Look through the records and copy each line with the string "steel" in it.
Listed records section start
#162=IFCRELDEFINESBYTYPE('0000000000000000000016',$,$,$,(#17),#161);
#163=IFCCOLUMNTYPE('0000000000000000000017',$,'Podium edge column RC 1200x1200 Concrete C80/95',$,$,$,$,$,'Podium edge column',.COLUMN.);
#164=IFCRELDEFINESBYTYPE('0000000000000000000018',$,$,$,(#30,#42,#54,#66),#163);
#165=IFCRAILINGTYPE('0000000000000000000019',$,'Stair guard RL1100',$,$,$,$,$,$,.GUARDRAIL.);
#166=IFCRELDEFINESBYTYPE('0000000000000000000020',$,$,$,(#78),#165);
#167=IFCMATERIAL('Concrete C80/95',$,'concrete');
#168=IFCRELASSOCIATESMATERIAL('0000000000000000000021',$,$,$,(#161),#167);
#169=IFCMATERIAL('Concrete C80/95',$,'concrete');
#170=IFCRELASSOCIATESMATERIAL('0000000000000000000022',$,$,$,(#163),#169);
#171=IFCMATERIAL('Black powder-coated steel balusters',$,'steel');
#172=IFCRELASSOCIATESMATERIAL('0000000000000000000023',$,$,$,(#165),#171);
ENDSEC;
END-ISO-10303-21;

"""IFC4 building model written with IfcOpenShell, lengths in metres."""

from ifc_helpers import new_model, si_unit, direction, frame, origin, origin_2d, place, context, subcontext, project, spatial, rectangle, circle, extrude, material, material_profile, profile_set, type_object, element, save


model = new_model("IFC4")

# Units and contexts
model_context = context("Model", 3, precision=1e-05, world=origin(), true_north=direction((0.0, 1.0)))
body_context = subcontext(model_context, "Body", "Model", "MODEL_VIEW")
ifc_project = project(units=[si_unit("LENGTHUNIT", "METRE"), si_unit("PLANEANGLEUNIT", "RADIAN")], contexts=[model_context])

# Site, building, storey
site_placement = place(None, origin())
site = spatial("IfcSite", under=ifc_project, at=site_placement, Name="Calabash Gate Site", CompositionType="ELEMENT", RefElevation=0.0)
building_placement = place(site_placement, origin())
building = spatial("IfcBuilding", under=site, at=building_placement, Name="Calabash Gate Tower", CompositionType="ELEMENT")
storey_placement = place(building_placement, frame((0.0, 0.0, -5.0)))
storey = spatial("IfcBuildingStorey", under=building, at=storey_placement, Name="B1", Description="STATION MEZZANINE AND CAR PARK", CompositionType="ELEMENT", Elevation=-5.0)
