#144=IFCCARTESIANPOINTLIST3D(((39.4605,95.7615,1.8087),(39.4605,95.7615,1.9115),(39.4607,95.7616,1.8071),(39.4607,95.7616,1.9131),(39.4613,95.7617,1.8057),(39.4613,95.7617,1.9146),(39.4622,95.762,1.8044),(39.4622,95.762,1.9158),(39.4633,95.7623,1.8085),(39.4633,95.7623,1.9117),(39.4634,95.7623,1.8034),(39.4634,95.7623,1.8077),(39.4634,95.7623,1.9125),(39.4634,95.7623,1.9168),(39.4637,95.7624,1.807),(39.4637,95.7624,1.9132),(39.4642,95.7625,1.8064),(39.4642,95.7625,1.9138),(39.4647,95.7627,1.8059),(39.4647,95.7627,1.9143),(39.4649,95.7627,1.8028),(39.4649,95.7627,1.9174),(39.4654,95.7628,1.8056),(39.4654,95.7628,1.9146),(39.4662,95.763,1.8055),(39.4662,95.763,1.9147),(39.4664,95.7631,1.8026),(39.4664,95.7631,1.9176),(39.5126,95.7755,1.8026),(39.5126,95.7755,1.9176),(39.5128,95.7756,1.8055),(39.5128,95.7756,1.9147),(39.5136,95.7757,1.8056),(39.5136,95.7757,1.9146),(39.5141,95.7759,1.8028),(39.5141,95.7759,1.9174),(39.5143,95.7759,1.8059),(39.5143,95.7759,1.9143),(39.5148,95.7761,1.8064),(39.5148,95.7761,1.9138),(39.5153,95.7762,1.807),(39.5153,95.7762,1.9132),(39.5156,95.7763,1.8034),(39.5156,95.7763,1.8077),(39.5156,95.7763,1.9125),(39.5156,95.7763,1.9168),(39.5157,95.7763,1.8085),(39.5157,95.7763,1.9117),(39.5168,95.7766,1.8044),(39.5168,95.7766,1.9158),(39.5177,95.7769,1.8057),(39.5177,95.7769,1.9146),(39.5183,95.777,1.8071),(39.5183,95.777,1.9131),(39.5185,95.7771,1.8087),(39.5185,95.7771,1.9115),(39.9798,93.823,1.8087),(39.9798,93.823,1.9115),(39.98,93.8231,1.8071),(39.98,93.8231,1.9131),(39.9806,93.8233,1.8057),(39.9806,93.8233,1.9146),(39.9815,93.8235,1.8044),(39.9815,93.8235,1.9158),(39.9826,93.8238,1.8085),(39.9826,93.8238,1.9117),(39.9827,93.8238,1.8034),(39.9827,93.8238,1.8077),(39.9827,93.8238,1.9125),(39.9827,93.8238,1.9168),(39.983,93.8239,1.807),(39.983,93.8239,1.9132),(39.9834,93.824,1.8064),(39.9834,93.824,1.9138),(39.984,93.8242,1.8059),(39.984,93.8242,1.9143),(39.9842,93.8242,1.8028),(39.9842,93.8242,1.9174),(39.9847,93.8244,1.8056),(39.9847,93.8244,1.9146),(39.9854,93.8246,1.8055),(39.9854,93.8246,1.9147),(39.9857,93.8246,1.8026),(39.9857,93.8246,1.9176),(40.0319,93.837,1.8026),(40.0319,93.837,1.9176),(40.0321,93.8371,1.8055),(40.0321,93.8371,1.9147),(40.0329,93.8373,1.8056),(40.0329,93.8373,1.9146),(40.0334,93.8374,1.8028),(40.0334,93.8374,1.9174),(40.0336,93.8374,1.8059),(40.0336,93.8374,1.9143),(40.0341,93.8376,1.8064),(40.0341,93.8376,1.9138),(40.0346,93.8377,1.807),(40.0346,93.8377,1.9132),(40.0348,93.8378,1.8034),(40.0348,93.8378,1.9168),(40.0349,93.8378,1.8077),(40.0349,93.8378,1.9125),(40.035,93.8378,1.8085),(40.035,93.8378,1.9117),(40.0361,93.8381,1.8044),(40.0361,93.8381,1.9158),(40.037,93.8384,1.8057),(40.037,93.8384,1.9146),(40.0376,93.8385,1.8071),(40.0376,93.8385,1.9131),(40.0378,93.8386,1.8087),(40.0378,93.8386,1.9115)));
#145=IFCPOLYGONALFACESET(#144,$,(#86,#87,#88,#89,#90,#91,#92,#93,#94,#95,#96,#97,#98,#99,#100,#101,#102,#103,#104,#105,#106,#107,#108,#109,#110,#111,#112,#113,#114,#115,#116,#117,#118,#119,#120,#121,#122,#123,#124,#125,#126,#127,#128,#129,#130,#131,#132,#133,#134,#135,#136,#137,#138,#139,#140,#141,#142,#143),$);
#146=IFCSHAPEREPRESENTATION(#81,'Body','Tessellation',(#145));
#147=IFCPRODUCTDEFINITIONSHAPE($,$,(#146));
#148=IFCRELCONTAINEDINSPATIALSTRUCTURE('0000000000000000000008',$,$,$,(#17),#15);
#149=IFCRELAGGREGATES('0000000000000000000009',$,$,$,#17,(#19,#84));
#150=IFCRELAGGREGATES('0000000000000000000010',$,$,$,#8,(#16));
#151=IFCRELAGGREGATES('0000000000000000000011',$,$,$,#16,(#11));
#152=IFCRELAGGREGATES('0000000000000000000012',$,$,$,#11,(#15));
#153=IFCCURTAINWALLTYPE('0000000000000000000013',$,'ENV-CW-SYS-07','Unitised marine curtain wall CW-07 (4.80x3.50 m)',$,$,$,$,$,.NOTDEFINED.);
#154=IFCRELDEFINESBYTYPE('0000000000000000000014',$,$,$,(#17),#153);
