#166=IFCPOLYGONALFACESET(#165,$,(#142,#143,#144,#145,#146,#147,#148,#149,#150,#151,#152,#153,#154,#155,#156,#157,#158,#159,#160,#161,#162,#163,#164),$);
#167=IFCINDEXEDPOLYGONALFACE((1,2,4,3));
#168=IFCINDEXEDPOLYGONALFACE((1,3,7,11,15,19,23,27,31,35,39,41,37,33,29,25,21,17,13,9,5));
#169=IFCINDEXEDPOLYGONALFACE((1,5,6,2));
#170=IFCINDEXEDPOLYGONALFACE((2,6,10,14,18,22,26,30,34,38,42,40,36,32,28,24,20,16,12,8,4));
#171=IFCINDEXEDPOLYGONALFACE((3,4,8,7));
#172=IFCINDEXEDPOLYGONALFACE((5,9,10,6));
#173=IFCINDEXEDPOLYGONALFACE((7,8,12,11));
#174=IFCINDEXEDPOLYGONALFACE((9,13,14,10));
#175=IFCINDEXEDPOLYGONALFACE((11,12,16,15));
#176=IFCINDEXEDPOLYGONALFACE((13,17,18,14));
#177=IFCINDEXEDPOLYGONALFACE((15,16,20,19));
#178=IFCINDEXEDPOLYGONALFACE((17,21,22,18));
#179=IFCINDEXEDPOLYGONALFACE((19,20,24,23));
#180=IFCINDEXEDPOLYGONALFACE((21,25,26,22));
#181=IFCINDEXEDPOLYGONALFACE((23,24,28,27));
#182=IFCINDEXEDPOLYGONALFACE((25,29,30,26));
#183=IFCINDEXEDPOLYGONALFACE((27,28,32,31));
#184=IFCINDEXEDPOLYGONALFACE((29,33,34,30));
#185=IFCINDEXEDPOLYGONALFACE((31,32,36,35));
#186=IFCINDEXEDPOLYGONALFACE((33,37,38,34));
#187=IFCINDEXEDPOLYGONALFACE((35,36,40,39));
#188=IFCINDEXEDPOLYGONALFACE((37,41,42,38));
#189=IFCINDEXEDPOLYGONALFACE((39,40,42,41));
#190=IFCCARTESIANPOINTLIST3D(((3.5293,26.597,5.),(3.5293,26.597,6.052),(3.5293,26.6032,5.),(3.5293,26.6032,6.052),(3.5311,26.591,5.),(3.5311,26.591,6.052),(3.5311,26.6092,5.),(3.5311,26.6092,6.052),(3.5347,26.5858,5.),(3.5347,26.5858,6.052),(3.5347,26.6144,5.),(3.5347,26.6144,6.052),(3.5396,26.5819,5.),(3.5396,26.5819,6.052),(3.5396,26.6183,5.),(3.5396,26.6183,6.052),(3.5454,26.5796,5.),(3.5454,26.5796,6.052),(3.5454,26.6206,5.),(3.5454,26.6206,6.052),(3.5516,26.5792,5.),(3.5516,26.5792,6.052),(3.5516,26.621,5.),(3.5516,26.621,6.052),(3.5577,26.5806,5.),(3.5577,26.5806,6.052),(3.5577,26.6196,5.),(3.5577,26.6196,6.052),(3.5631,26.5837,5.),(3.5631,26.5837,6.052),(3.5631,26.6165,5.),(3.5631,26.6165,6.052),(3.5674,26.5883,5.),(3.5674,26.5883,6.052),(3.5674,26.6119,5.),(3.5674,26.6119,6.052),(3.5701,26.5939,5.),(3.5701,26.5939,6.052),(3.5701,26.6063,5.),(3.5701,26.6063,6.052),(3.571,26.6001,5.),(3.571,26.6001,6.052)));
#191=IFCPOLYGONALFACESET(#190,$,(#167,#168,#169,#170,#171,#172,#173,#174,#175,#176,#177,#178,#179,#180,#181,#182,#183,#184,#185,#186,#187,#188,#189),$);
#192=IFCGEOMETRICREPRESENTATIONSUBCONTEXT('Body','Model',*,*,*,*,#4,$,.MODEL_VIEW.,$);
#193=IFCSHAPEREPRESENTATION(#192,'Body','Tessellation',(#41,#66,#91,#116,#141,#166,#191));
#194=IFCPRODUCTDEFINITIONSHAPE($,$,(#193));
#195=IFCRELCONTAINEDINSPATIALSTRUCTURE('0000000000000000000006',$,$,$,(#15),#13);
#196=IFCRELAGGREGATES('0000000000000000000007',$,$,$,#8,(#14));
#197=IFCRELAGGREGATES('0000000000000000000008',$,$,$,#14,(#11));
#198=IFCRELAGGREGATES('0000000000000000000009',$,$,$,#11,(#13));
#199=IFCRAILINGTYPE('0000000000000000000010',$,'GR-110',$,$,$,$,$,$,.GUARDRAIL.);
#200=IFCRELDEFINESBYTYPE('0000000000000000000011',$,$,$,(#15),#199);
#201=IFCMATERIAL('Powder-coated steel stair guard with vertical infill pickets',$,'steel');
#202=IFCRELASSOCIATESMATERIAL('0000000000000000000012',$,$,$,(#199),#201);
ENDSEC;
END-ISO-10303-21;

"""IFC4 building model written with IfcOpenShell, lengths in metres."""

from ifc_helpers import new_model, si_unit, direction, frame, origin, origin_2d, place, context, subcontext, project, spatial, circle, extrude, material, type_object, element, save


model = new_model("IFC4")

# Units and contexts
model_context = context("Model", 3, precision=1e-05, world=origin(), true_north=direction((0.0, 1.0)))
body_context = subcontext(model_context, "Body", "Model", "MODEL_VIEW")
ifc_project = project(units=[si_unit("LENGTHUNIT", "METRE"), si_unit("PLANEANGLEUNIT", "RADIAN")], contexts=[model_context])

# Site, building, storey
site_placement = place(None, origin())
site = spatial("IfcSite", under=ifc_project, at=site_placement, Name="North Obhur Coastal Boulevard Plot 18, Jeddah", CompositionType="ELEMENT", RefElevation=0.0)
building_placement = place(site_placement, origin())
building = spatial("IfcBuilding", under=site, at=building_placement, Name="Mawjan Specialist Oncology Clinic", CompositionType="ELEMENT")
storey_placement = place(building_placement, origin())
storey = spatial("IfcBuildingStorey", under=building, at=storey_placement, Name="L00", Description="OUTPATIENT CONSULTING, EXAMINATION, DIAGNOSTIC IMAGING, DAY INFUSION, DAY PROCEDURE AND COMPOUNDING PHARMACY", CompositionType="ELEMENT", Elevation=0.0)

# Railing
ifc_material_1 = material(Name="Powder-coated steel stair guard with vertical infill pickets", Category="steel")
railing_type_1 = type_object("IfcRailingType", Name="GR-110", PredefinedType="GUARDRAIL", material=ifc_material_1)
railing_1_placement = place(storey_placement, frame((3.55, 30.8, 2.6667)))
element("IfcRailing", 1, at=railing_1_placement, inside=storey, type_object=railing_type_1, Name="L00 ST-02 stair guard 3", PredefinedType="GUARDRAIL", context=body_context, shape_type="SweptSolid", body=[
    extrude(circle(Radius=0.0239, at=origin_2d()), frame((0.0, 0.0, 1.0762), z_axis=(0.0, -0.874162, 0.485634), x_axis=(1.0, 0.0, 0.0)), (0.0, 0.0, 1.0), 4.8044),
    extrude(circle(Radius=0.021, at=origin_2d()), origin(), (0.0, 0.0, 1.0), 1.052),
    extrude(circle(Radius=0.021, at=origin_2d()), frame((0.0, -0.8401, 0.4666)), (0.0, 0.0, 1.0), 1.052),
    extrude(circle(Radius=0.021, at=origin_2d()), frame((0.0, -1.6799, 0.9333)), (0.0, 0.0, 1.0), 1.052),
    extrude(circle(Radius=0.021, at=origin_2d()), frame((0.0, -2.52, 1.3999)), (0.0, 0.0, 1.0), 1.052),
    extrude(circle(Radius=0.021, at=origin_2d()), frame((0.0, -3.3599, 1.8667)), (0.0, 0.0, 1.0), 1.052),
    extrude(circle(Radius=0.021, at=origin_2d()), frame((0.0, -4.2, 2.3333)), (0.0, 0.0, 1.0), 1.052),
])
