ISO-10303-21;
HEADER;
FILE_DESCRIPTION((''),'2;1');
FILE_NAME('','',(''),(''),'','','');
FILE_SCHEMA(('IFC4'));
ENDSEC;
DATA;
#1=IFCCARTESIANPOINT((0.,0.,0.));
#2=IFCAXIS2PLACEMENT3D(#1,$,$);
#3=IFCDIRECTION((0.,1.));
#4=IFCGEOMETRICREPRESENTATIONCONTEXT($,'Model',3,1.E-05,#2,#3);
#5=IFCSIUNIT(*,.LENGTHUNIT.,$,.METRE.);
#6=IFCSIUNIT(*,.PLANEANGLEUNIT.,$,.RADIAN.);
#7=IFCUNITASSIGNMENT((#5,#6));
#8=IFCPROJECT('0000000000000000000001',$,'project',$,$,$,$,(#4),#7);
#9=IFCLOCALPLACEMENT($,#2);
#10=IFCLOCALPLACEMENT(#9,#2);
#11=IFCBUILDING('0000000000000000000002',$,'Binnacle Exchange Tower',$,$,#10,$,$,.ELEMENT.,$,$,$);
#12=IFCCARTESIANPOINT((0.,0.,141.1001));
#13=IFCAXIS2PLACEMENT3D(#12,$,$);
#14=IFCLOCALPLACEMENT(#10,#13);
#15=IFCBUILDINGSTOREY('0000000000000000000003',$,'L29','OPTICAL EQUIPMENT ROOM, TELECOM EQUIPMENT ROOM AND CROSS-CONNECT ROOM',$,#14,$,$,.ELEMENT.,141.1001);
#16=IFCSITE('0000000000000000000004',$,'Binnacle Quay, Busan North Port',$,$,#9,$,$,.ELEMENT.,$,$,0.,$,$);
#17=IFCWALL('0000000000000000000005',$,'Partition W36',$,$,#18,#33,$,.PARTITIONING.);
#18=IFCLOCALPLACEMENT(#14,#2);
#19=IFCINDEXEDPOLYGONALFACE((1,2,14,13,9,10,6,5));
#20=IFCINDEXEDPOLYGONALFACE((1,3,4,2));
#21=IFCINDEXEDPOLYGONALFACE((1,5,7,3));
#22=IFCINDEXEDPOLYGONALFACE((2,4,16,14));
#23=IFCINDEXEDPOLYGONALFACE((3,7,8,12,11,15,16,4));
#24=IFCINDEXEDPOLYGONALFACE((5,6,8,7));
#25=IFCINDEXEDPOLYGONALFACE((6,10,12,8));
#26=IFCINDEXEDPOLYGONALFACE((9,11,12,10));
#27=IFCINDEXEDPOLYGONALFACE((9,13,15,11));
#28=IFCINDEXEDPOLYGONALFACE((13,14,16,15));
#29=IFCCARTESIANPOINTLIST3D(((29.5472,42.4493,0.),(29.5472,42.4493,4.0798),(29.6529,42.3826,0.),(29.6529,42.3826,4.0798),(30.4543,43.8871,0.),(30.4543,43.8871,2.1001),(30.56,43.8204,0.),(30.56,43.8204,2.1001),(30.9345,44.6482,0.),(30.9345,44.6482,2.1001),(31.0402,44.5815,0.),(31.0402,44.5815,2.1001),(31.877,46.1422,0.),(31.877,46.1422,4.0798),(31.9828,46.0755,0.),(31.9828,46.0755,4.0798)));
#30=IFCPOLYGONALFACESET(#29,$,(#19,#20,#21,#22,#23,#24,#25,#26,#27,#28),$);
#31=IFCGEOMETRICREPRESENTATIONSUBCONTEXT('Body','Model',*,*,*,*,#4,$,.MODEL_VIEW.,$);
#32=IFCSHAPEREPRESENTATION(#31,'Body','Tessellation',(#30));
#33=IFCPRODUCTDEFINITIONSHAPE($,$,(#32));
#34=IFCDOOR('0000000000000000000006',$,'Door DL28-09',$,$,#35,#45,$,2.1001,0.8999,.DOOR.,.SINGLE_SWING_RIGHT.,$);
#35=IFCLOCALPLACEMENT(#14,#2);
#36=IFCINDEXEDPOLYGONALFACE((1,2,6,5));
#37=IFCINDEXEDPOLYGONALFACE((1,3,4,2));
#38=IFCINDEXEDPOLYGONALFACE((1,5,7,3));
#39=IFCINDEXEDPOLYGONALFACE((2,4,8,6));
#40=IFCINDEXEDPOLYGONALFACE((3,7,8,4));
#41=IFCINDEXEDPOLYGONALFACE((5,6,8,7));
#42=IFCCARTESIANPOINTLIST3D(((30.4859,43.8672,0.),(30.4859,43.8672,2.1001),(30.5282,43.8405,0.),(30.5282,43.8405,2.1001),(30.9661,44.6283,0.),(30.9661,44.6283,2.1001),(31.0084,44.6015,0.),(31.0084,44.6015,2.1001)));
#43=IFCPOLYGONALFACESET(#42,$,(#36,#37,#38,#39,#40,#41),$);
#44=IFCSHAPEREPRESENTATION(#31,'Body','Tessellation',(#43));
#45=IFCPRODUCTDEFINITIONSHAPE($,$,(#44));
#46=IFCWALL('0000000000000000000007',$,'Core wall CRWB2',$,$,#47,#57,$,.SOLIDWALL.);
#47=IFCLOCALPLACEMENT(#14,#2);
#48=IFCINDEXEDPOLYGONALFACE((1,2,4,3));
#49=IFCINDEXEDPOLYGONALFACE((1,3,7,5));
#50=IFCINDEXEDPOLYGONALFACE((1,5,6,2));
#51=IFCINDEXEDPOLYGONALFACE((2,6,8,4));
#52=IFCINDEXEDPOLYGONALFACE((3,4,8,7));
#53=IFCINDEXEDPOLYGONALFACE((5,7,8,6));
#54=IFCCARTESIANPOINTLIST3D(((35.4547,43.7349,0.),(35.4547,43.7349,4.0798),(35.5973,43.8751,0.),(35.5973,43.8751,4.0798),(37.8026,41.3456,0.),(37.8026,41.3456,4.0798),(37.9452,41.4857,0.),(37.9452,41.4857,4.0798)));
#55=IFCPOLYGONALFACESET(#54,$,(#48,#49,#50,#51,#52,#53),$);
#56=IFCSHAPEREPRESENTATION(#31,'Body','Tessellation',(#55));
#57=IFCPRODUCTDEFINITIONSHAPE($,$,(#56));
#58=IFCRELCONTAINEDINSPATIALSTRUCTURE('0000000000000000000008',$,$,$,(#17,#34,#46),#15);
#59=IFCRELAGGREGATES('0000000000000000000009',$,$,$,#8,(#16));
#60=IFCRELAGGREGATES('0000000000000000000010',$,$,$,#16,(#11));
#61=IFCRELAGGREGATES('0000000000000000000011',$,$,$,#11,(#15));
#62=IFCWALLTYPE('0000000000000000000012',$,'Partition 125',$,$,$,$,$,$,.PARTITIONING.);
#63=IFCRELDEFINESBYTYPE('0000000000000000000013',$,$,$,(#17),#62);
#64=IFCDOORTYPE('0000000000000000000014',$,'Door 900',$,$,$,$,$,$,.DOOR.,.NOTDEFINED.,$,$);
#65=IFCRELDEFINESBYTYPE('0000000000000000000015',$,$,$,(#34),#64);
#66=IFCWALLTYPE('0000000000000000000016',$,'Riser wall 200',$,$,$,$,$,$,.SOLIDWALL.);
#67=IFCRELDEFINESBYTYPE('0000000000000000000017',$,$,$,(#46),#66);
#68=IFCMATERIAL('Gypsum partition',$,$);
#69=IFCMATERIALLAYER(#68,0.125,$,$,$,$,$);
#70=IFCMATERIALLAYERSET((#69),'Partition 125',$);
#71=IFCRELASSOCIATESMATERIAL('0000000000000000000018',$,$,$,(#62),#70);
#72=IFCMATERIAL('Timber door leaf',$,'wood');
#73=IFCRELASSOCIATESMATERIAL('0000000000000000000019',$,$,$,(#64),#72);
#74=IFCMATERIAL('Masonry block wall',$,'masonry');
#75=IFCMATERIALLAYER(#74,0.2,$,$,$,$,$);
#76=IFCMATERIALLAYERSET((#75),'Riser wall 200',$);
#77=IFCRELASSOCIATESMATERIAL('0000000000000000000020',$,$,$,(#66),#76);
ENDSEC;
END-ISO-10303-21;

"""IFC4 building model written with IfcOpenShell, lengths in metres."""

from ifc_helpers import new_model, si_unit, direction, frame, frame_2d, origin, place, context, subcontext, project, spatial, rectangle, extrude, material, layer, layer_set, type_object, element, fill, save


model = new_model("IFC4")

# Units and contexts
model_context = context("Model", 3, precision=1e-05, world=origin(), true_north=direction((0.0, 1.0)))
body_context = subcontext(model_context, "Body", "Model", "MODEL_VIEW")
ifc_project = project(units=[si_unit("LENGTHUNIT", "METRE"), si_unit("PLANEANGLEUNIT", "RADIAN")], contexts=[model_context])

# Site, building, storey
site_placement = place(None, origin())
site = spatial("IfcSite", under=ifc_project, at=site_placement, Name="Binnacle Quay, Busan North Port", CompositionType="ELEMENT", RefElevation=0.0)
building_placement = place(site_placement, origin())
building = spatial("IfcBuilding", under=site, at=building_placement, Name="Binnacle Exchange Tower", CompositionType="ELEMENT")
storey_placement = place(building_placement, frame((0.0, 0.0, 141.1001)))
storey = spatial("IfcBuildingStorey", under=building, at=storey_placement, Name="L29", Description="OPTICAL EQUIPMENT ROOM, TELECOM EQUIPMENT ROOM AND CROSS-CONNECT ROOM", CompositionType="ELEMENT", Elevation=141.1001)

# Shared definitions
ifc_material_1 = material(Name="Masonry block wall", Category="masonry")

# Shared definitions
ifc_material_2 = material(Name="Gypsum partition")
ifc_layer_1 = layer(ifc_material_2, 0.125)
ifc_layer_set_1 = layer_set([ifc_layer_1], Name="Partition 125")
wall_type_1 = type_object("IfcWallType", Name="Partition 125", PredefinedType="PARTITIONING", material=ifc_layer_set_1)

# Wall, opening, door
wall_1_placement = place(storey_placement, frame((29.6001, 42.416, 0.0), z_axis=(0.0, 0.0, 1.0), x_axis=(0.533583, 0.845748, 0.0)))
wall_1 = element("IfcWall", 1, at=wall_1_placement, inside=storey, type_object=wall_type_1, Name="Partition W36", PredefinedType="PARTITIONING", context=body_context, shape_type="SweptSolid", body=[
    extrude(rectangle(XDim=4.3665, YDim=0.125, at=frame_2d((2.1831, 0.0))), origin(), (0.0, 0.0, 1.0), 4.0798),
])
opening_1_placement = place(wall_1_placement, frame((1.7, 0.0, 0.0)))
opening_1 = element("IfcOpeningElement", 2, at=opening_1_placement, cuts=wall_1, PredefinedType="OPENING", context=body_context, shape_type="SweptSolid", body=[
    extrude(rectangle(XDim=0.8999, YDim=2.1001, at=frame_2d((0.45, 1.05))), frame((0.0, 0.0725, 0.0), z_axis=(0.0, -1.0, 0.0), x_axis=(1.0, 0.0, 0.0)), (0.0, 0.0, 1.0), 0.145),
])
ifc_material_3 = material(Name="Timber door leaf", Category="wood")
door_type_1 = type_object("IfcDoorType", Name="Door 900", OperationType="NOTDEFINED", PredefinedType="DOOR", material=ifc_material_3)
door_1_placement = place(opening_1_placement, frame((0.8999, 0.0, 0.0), z_axis=(0.0, 0.0, 1.0), x_axis=(-1.0, 0.0, 0.0)))
door_1 = element("IfcDoor", 3, at=door_1_placement, inside=storey, type_object=door_type_1, Name="Door DL28-09", OperationType="SINGLE_SWING_RIGHT", OverallHeight=2.1001, OverallWidth=0.8999, PredefinedType="DOOR", context=body_context, shape_type="SweptSolid", body=[
    extrude(rectangle(XDim=0.8999, YDim=2.1001, at=frame_2d((0.45, 1.05))), frame((0.0, 0.0249, 0.0), z_axis=(0.0, -1.0, 0.0), x_axis=(1.0, 0.0, 0.0)), (0.0, 0.0, 1.0), 0.05),
])
fill(opening_1, door_1)

# Wall
ifc_layer_2 = layer(ifc_material_1, 0.2)
ifc_layer_set_2 = layer_set([ifc_layer_2], Name="Riser wall 200")
wall_type_2 = type_object("IfcWallType", Name="Riser wall 200", PredefinedType="SOLIDWALL", material=ifc_layer_set_2)
wall_2_placement = place(storey_placement, frame((35.5261, 43.8049, 0.0), z_axis=(0.0, 0.0, 1.0), x_axis=(0.700885, -0.713274, 0.0)))
element("IfcWall", 4, at=wall_2_placement, inside=storey, type_object=wall_type_2, Name="Core wall CRWB2", PredefinedType="SOLIDWALL", context=body_context, shape_type="SweptSolid", body=[
    extrude(rectangle(XDim=3.3499, YDim=0.2, at=frame_2d((1.6748, 0.0))), origin(), (0.0, 0.0, 1.0), 4.0798),
])

save(model, "model.ifc")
Listed records section end
## Solution
#171=IFCMATERIAL('Black powder-coated steel balusters',$,'steel');
#201=IFCMATERIAL('Powder-coated steel stair guard with vertical infill pickets',$,'steel');
ifc_material_1 = material(Name="Powder-coated steel stair guard with vertical infill pickets", Category="steel")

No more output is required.